# Exercise aim:
Among the entries below, please repeat exactly and only the lines from the line containing "#46=IFCINDEXEDPOLYGONALFACE((1,5,7,3));" to the line containing "#55=IFCLOCALPLACEMENT(#14,#2);", both lines included.

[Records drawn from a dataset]
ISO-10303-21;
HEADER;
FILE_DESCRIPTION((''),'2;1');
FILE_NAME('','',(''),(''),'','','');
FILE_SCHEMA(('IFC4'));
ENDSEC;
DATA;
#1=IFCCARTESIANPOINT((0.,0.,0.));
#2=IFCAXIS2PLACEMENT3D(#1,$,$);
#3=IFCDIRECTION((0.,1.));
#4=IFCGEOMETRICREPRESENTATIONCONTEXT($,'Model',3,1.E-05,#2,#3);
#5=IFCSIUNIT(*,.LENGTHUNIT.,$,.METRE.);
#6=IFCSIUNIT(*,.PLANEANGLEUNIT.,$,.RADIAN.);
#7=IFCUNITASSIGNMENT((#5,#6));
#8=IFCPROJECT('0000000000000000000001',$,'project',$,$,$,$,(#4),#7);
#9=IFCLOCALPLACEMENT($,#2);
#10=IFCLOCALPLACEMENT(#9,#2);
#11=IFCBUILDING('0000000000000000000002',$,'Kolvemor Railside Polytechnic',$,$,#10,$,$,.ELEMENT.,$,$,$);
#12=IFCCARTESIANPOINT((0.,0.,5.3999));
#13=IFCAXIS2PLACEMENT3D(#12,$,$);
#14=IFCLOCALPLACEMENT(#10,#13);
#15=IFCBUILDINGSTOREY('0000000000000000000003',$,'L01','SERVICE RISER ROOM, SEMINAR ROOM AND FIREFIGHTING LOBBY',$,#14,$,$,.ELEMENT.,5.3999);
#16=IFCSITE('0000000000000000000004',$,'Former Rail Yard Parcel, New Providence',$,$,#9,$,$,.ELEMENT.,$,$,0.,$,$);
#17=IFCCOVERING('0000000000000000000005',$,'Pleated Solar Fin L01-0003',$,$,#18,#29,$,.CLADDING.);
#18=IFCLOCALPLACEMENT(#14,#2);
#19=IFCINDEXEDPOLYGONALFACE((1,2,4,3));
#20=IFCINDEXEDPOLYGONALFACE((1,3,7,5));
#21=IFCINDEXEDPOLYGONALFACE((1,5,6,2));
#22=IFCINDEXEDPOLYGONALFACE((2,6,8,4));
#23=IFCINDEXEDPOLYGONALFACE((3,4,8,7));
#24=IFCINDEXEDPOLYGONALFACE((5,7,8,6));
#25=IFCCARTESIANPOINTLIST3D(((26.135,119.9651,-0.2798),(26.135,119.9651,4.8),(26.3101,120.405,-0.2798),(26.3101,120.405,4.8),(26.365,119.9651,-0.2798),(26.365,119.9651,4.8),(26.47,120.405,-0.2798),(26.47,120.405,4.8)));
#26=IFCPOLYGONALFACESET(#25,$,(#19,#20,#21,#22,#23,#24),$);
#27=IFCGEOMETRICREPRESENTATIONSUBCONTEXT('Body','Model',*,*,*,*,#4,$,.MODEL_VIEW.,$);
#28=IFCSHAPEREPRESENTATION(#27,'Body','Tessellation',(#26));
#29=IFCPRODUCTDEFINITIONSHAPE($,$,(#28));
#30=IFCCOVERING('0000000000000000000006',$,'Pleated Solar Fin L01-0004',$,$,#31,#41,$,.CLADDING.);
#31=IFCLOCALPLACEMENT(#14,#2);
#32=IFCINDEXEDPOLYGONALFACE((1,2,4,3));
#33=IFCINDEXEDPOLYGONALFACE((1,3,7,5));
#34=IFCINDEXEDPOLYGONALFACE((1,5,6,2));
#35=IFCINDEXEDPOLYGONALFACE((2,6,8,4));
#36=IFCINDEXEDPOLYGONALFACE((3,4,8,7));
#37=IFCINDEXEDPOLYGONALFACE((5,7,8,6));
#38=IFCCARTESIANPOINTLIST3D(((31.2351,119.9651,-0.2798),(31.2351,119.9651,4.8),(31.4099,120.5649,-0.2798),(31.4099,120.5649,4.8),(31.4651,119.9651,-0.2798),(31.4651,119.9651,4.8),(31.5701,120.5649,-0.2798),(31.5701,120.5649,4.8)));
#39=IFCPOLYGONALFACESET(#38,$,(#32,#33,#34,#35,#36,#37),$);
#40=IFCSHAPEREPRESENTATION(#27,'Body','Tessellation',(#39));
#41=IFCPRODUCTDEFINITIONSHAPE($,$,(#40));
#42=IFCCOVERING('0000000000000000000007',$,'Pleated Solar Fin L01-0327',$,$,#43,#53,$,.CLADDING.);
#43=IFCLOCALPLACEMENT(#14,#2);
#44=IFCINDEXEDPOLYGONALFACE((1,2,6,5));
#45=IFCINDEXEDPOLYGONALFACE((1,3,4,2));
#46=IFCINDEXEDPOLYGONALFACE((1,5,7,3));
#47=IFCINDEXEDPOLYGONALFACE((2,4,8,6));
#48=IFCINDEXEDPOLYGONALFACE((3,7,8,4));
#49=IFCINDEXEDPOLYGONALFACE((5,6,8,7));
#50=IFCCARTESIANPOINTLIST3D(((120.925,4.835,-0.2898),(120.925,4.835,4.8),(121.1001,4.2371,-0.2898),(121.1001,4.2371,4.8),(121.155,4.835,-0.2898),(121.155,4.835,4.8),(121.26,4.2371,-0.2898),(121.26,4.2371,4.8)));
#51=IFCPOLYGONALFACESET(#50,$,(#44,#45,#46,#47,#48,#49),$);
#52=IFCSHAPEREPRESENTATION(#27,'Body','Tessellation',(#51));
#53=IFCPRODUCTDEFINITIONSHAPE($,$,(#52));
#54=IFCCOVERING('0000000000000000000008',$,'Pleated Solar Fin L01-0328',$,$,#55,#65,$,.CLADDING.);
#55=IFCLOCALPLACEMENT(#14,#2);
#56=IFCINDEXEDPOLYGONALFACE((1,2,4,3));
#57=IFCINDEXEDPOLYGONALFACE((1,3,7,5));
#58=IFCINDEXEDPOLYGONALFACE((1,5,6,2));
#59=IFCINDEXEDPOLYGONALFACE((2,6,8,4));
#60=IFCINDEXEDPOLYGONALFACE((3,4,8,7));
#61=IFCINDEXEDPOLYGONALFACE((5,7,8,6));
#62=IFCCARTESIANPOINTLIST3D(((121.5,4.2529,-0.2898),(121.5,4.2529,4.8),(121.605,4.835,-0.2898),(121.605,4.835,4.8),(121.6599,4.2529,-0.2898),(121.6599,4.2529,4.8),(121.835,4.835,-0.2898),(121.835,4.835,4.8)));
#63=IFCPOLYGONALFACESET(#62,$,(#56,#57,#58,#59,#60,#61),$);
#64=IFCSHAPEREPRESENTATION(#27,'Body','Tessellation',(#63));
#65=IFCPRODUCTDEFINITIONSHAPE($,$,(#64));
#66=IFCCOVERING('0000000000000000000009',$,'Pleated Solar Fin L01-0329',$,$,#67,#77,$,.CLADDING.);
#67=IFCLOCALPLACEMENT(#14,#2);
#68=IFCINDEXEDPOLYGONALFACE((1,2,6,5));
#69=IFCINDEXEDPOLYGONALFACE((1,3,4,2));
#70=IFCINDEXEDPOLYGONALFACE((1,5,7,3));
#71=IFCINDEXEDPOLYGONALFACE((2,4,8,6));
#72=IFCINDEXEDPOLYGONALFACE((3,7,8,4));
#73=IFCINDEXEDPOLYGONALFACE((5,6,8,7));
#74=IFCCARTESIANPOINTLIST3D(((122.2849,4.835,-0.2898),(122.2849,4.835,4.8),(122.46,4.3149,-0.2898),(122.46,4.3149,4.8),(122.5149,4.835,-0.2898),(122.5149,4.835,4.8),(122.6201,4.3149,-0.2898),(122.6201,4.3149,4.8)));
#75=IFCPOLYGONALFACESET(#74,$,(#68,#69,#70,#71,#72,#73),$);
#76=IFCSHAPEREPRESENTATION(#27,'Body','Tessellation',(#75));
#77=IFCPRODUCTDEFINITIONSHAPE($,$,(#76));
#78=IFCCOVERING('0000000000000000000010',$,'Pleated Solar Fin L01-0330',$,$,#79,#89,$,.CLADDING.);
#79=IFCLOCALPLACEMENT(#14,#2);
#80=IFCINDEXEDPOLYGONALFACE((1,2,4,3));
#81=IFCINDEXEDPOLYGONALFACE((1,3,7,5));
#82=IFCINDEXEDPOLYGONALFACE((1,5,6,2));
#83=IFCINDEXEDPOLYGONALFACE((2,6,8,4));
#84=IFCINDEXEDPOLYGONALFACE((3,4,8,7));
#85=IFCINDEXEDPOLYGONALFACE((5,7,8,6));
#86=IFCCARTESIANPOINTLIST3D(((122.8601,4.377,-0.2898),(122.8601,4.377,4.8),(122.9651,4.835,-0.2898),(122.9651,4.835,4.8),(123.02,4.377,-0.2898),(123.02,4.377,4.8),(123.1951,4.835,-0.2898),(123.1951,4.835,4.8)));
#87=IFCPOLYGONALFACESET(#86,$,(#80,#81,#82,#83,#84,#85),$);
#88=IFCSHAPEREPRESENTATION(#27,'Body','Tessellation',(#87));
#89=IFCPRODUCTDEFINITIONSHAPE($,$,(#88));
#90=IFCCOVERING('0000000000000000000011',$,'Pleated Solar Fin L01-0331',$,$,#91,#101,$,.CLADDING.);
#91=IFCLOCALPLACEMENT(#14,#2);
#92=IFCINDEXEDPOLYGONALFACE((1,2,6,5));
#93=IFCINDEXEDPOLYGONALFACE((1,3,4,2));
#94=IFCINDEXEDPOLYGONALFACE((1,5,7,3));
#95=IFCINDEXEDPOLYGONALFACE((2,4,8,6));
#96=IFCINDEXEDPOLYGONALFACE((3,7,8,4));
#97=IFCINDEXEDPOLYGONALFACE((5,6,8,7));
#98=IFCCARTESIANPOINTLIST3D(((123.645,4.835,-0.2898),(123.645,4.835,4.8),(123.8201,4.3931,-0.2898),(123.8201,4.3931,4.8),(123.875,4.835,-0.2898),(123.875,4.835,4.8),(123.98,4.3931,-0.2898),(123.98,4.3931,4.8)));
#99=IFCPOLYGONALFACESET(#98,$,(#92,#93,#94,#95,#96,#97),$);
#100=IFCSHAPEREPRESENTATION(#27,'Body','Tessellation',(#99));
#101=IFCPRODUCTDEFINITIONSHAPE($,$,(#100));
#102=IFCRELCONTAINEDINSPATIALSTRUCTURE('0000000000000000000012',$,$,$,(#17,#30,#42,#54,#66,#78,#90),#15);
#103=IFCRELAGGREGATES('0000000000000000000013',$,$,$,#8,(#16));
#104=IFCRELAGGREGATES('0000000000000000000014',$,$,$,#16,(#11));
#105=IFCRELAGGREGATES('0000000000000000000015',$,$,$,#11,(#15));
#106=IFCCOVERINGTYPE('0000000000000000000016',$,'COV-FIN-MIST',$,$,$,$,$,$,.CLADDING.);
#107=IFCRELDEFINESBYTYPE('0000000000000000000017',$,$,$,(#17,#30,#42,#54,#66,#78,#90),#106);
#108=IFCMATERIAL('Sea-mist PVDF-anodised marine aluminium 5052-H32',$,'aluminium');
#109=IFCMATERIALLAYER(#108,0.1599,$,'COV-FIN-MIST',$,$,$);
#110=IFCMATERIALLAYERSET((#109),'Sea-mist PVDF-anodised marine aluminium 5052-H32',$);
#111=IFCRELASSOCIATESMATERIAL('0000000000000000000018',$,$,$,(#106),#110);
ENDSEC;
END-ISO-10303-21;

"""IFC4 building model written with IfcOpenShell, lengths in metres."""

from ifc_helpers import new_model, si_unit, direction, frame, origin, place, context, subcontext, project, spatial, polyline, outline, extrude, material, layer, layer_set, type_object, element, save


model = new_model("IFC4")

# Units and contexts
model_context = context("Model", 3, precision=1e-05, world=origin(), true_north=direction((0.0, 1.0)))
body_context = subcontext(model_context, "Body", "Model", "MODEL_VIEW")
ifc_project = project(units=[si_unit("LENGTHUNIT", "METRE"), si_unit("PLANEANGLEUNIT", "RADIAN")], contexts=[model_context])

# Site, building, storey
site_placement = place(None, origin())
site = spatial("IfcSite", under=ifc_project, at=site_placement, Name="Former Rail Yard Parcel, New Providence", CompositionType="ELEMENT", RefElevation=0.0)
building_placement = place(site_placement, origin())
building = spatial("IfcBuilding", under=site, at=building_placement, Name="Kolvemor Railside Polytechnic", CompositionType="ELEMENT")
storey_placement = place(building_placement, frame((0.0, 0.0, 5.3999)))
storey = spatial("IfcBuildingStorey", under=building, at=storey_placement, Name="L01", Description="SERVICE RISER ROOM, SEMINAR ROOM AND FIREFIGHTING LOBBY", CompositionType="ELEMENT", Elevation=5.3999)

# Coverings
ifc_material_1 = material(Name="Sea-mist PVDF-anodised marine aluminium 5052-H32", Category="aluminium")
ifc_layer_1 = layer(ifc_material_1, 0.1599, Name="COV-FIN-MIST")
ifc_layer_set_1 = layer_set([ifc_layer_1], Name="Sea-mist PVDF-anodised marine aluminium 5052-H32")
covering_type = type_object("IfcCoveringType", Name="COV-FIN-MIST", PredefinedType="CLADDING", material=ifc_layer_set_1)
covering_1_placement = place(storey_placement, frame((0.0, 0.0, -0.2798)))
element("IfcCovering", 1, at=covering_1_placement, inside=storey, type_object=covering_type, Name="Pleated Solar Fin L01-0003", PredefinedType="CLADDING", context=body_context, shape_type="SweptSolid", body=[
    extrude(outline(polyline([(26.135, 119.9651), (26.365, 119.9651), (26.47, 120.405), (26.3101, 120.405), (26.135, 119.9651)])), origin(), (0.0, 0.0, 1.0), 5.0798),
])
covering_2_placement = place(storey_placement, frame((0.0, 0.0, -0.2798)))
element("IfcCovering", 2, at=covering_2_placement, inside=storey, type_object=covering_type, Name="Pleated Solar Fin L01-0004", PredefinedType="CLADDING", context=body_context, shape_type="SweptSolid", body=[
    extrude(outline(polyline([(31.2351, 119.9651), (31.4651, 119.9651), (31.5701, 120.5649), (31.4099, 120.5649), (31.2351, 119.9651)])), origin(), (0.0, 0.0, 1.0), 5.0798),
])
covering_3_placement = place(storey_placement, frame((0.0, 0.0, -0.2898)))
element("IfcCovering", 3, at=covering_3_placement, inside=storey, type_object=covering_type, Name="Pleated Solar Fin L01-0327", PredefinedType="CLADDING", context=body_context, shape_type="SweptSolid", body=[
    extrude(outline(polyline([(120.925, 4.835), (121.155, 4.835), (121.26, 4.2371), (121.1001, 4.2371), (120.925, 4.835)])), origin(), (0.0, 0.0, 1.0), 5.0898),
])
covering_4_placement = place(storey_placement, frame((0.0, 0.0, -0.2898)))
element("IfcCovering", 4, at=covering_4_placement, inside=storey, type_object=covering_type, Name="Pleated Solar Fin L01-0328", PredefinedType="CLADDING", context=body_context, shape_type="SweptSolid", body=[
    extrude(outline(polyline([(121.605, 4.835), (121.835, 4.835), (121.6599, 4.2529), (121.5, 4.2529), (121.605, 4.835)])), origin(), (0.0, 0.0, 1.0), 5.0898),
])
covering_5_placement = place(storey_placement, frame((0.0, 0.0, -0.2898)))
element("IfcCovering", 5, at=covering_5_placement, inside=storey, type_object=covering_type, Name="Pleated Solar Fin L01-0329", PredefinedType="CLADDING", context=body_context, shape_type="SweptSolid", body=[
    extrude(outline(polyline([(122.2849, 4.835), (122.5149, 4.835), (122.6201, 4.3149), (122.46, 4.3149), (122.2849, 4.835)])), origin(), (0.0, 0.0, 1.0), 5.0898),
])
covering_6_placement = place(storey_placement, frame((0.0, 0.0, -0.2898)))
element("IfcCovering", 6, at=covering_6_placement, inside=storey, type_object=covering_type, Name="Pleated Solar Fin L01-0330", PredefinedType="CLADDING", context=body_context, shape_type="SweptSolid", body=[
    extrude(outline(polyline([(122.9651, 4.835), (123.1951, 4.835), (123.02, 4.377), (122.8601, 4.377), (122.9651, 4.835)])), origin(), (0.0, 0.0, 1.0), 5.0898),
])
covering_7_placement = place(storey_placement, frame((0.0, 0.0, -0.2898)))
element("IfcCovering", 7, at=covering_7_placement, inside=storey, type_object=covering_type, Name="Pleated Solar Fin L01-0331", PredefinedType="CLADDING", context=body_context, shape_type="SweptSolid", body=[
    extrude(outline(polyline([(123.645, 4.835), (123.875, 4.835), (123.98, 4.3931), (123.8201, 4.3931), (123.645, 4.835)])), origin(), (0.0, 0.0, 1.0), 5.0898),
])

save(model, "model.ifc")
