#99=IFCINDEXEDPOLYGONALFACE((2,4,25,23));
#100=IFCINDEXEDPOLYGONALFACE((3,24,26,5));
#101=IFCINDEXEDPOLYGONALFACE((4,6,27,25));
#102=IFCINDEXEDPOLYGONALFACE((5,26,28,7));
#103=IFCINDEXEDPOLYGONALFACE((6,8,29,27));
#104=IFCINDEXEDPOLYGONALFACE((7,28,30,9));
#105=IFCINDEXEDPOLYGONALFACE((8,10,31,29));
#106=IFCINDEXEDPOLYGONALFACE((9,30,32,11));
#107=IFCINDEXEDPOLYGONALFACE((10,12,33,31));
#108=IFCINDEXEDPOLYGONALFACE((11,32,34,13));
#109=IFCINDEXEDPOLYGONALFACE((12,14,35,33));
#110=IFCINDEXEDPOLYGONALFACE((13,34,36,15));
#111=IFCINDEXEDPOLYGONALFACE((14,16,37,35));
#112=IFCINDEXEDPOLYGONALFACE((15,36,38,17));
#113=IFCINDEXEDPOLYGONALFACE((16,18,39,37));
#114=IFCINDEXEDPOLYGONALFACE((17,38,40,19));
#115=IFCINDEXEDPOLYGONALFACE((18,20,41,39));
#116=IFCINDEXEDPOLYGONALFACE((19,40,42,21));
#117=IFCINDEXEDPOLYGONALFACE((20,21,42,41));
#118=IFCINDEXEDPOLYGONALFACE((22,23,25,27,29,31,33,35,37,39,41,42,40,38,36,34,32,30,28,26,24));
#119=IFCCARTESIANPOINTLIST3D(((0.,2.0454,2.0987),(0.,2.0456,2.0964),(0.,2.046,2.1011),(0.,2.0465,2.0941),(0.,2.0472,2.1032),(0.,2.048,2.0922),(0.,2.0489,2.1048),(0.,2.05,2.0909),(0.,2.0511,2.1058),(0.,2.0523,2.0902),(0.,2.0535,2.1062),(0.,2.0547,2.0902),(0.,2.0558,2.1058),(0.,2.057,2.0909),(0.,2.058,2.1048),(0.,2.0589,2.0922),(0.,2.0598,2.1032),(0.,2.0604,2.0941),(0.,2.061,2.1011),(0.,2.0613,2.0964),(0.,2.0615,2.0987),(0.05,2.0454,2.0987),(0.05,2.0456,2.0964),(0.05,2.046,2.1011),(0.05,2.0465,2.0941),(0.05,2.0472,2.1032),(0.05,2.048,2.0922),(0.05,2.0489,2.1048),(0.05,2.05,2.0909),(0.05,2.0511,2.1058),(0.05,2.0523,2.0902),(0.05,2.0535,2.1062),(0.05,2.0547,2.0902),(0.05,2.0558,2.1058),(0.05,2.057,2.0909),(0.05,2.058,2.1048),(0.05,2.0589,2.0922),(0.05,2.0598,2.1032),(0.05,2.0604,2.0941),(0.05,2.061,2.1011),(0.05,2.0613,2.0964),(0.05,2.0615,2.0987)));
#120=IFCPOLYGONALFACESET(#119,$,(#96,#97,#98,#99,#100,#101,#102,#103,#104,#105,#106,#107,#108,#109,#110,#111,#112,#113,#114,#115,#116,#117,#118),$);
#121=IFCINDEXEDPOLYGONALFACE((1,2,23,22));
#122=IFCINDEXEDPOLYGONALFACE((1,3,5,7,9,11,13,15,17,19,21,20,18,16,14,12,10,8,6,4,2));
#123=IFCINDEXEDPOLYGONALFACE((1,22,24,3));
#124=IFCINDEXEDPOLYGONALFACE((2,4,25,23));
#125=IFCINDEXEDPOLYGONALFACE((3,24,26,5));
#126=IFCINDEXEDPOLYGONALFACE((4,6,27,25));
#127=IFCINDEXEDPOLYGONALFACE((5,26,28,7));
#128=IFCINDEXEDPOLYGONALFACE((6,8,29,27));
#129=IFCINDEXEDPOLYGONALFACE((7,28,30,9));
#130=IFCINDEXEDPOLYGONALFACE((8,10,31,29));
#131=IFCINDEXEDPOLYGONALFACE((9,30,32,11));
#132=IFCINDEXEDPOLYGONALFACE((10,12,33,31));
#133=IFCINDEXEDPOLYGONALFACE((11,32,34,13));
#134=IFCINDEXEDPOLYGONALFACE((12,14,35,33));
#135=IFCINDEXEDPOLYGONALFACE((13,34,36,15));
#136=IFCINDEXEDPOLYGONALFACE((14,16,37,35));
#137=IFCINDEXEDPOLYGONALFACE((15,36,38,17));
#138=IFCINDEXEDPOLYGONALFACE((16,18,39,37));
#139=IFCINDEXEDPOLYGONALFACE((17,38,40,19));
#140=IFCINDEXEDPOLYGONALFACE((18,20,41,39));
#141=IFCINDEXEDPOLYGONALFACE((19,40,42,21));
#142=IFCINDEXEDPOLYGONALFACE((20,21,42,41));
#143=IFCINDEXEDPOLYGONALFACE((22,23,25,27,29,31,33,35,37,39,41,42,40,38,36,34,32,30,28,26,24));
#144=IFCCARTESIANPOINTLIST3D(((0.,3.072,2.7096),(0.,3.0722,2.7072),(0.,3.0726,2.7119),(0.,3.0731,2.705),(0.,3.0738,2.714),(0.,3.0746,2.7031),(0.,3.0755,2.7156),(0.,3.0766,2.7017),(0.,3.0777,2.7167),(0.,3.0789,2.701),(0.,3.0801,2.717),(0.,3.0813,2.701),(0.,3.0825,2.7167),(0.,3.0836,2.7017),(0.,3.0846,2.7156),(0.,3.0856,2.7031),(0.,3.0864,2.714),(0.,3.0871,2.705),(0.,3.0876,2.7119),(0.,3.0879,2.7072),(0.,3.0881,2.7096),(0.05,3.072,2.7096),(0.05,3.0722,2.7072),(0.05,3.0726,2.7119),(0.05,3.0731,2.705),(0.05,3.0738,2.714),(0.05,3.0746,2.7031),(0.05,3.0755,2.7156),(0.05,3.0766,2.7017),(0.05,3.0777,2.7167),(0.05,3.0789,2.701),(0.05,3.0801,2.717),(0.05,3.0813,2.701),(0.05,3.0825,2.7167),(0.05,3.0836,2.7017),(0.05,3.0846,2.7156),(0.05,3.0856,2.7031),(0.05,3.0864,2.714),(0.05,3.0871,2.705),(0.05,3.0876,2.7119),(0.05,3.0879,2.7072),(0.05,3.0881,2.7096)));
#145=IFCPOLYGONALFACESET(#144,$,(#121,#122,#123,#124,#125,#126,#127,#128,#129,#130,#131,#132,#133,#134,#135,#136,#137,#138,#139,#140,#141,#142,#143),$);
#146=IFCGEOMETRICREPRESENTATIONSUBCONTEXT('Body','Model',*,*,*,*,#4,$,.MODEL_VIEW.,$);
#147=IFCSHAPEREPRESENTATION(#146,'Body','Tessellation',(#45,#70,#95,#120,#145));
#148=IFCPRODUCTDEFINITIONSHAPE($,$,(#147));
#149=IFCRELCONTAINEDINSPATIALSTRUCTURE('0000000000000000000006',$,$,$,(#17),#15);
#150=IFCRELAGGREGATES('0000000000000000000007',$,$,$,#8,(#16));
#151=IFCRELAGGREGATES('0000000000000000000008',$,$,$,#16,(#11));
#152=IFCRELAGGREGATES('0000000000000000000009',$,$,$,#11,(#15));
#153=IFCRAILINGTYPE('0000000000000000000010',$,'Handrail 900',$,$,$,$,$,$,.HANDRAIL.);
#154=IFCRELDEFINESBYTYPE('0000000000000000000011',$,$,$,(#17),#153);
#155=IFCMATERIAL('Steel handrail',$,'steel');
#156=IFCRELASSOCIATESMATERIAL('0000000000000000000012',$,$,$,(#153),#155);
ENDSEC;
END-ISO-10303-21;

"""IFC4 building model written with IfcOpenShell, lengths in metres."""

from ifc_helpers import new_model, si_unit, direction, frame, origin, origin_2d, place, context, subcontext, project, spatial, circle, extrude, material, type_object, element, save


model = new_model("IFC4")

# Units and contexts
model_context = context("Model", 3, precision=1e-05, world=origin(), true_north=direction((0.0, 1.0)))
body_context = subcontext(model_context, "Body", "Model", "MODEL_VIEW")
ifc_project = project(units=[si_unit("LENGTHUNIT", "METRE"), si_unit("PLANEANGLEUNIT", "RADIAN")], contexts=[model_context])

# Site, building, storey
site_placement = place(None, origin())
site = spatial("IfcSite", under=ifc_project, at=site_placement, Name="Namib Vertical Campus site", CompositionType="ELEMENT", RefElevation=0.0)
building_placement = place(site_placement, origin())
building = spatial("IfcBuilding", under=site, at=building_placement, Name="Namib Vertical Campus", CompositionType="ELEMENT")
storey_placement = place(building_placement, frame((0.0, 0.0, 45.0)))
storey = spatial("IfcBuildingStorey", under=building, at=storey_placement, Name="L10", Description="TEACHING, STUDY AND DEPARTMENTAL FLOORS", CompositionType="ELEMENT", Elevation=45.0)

# Output of the exercise:
#46=IFCINDEXEDPOLYGONALFACE((1,5,7,3));
#47=IFCINDEXEDPOLYGONALFACE((2,4,8,6));
#48=IFCINDEXEDPOLYGONALFACE((3,7,8,4));
#49=IFCINDEXEDPOLYGONALFACE((5,6,8,7));
#50=IFCCARTESIANPOINTLIST3D(((120.925,4.835,-0.2898),(120.925,4.835,4.8),(121.1001,4.2371,-0.2898),(121.1001,4.2371,4.8),(121.155,4.835,-0.2898),(121.155,4.835,4.8),(121.26,4.2371,-0.2898),(121.26,4.2371,4.8)));
#51=IFCPOLYGONALFACESET(#50,$,(#44,#45,#46,#47,#48,#49),$);
#52=IFCSHAPEREPRESENTATION(#27,'Body','Tessellation',(#51));
#53=IFCPRODUCTDEFINITIONSHAPE($,$,(#52));
#54=IFCCOVERING('0000000000000000000008',$,'Pleated Solar Fin L01-0328',$,$,#55,#65,$,.CLADDING.);
#55=IFCLOCALPLACEMENT(#14,#2);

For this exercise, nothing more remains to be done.